=== Task description ===
From the entries below, return exactly the lines beginning at the one that contains "#164=IFCSHAPEREPRESENTATION(#27,'Body','Tessellation',(#163));" and ending at the one that contains "#169=IFCRELAGGREGATES('0000000000000000000017',$,$,$,#11,(#15));", both of them included, and only those lines.

=== Input data ===
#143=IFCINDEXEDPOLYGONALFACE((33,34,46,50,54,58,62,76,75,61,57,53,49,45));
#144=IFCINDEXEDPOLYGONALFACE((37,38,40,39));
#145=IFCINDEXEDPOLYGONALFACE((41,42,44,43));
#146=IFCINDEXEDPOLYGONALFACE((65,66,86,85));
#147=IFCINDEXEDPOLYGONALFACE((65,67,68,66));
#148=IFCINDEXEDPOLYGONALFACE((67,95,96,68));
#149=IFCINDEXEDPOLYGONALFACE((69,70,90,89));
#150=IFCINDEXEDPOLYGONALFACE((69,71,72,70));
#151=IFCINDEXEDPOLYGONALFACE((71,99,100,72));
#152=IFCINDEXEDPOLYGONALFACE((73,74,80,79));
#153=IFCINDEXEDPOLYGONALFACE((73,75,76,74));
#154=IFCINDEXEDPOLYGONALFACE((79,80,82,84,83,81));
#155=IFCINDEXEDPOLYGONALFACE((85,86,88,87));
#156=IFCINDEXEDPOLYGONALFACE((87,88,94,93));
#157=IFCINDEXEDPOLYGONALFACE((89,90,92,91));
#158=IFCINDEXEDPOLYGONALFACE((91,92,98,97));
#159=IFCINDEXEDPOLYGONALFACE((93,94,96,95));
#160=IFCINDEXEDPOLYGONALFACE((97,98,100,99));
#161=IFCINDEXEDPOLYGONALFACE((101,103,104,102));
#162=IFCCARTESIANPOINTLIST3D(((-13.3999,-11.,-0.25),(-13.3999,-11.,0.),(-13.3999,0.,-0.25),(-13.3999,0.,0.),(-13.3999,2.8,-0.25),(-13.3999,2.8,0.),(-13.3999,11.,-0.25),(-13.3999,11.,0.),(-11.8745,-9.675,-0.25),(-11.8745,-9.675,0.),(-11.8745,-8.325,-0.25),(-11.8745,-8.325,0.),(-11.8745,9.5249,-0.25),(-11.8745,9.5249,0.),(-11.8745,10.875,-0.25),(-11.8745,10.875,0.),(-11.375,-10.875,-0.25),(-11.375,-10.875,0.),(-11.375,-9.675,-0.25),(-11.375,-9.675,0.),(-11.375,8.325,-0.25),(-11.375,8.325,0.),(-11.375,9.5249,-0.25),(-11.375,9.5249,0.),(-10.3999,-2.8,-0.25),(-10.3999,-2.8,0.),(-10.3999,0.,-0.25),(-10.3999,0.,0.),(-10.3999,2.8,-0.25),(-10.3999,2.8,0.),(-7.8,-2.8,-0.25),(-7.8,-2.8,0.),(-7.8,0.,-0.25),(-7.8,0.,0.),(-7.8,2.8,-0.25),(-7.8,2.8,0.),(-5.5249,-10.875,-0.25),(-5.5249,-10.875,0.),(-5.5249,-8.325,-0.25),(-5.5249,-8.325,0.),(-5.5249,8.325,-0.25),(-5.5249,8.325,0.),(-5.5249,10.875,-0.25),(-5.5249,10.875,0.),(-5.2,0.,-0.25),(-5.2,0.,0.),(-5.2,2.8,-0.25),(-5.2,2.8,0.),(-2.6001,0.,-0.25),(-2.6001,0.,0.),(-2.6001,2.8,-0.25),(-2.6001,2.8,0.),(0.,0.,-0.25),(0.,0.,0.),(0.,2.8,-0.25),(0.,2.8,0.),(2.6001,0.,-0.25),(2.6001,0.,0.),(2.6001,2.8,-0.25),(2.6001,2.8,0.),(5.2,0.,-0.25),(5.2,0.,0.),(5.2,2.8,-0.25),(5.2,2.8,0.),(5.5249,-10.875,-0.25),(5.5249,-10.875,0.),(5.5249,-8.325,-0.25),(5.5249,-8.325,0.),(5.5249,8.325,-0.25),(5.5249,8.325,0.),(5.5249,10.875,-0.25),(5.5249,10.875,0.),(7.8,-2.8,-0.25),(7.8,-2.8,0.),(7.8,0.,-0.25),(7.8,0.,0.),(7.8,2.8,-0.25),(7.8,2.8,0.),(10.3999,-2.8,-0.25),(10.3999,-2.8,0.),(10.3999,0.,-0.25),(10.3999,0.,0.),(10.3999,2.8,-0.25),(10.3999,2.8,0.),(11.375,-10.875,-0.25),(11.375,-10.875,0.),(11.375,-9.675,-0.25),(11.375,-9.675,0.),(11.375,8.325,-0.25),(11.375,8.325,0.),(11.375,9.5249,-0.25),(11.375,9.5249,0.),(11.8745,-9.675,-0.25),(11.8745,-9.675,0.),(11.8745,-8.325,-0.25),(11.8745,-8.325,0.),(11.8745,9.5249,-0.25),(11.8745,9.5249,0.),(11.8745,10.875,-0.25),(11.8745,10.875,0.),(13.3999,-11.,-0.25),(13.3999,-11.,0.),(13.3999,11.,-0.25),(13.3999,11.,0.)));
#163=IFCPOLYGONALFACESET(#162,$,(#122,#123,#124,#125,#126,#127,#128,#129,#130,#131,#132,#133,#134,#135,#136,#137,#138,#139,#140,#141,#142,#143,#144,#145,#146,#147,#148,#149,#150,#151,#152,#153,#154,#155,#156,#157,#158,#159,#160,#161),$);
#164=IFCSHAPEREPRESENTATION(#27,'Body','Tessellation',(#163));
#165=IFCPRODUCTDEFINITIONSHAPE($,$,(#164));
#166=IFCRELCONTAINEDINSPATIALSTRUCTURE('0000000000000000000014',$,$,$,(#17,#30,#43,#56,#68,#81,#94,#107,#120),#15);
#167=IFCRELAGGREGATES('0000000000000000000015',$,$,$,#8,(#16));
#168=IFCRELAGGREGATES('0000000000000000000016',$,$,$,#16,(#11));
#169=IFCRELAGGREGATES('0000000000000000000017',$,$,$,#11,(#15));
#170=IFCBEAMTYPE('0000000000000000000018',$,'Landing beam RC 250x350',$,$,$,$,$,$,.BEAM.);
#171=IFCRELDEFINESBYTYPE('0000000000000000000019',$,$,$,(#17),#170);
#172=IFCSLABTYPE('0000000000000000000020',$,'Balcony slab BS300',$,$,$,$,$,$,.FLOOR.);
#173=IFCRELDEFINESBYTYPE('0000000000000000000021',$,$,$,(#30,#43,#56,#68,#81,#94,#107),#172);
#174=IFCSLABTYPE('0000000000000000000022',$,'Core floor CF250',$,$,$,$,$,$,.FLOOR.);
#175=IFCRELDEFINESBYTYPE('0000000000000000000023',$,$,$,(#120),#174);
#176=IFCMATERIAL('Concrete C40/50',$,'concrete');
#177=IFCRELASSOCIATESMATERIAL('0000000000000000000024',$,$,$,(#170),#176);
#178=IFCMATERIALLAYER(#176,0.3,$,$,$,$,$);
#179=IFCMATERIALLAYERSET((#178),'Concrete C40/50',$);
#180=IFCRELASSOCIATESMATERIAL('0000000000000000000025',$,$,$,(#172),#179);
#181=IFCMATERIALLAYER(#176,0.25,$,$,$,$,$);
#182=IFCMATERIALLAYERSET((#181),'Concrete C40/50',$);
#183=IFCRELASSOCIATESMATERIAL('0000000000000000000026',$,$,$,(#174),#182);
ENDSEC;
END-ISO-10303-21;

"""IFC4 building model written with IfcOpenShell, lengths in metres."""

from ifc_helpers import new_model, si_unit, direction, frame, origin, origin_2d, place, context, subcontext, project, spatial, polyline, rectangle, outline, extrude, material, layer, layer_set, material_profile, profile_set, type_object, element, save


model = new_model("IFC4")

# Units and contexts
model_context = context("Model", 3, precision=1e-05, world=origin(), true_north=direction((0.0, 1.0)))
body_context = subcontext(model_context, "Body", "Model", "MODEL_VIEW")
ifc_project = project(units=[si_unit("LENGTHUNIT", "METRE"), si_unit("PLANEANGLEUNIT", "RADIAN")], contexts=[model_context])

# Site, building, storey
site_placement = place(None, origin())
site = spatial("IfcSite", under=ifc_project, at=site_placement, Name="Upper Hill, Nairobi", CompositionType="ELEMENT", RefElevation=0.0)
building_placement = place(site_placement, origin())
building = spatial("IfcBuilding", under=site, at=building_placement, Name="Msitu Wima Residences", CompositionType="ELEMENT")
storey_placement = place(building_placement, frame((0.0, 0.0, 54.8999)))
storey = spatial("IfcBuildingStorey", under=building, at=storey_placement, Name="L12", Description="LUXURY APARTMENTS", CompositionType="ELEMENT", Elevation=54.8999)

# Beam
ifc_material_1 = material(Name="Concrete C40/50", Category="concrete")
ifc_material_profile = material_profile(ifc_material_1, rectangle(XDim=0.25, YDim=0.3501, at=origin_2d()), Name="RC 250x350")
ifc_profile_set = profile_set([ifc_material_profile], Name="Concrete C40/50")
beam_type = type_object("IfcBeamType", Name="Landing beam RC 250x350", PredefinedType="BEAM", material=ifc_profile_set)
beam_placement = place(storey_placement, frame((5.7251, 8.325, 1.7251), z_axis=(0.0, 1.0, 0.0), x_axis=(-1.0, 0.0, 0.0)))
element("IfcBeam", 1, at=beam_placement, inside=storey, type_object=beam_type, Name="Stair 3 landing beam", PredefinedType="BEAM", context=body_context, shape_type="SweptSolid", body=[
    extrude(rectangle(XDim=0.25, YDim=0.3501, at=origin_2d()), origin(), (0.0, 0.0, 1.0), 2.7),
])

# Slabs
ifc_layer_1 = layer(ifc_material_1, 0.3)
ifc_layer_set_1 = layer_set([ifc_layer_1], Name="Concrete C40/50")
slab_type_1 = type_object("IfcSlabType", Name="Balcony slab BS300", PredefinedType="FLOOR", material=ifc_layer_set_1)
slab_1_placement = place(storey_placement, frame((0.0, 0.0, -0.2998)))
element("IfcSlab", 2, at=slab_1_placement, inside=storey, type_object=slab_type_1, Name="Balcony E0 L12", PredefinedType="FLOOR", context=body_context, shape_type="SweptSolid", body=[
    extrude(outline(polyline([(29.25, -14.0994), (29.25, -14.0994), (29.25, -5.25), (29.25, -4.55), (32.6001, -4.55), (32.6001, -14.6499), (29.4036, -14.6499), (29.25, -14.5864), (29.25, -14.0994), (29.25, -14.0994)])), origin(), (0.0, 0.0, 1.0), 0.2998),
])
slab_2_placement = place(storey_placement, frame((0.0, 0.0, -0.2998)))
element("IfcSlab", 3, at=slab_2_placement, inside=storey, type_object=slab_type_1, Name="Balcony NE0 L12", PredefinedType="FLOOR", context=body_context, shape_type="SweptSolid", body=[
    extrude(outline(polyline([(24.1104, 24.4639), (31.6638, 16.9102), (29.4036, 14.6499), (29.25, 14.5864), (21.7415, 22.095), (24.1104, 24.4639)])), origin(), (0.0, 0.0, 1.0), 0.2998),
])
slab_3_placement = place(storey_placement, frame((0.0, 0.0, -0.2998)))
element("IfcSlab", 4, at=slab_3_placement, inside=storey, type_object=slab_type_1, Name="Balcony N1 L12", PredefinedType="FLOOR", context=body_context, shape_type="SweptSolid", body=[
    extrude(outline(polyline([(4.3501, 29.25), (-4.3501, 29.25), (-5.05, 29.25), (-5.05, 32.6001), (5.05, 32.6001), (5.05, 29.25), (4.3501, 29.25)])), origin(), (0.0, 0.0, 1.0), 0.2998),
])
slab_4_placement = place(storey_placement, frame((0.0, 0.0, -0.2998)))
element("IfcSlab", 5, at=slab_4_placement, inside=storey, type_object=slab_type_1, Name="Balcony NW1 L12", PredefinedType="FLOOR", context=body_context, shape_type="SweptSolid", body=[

=== Task response ===
#164=IFCSHAPEREPRESENTATION(#27,'Body','Tessellation',(#163));
#165=IFCPRODUCTDEFINITIONSHAPE($,$,(#164));
#166=IFCRELCONTAINEDINSPATIALSTRUCTURE('0000000000000000000014',$,$,$,(#17,#30,#43,#56,#68,#81,#94,#107,#120),#15);
#167=IFCRELAGGREGATES('0000000000000000000015',$,$,$,#8,(#16));
#168=IFCRELAGGREGATES('0000000000000000000016',$,$,$,#16,(#11));
#169=IFCRELAGGREGATES('0000000000000000000017',$,$,$,#11,(#15));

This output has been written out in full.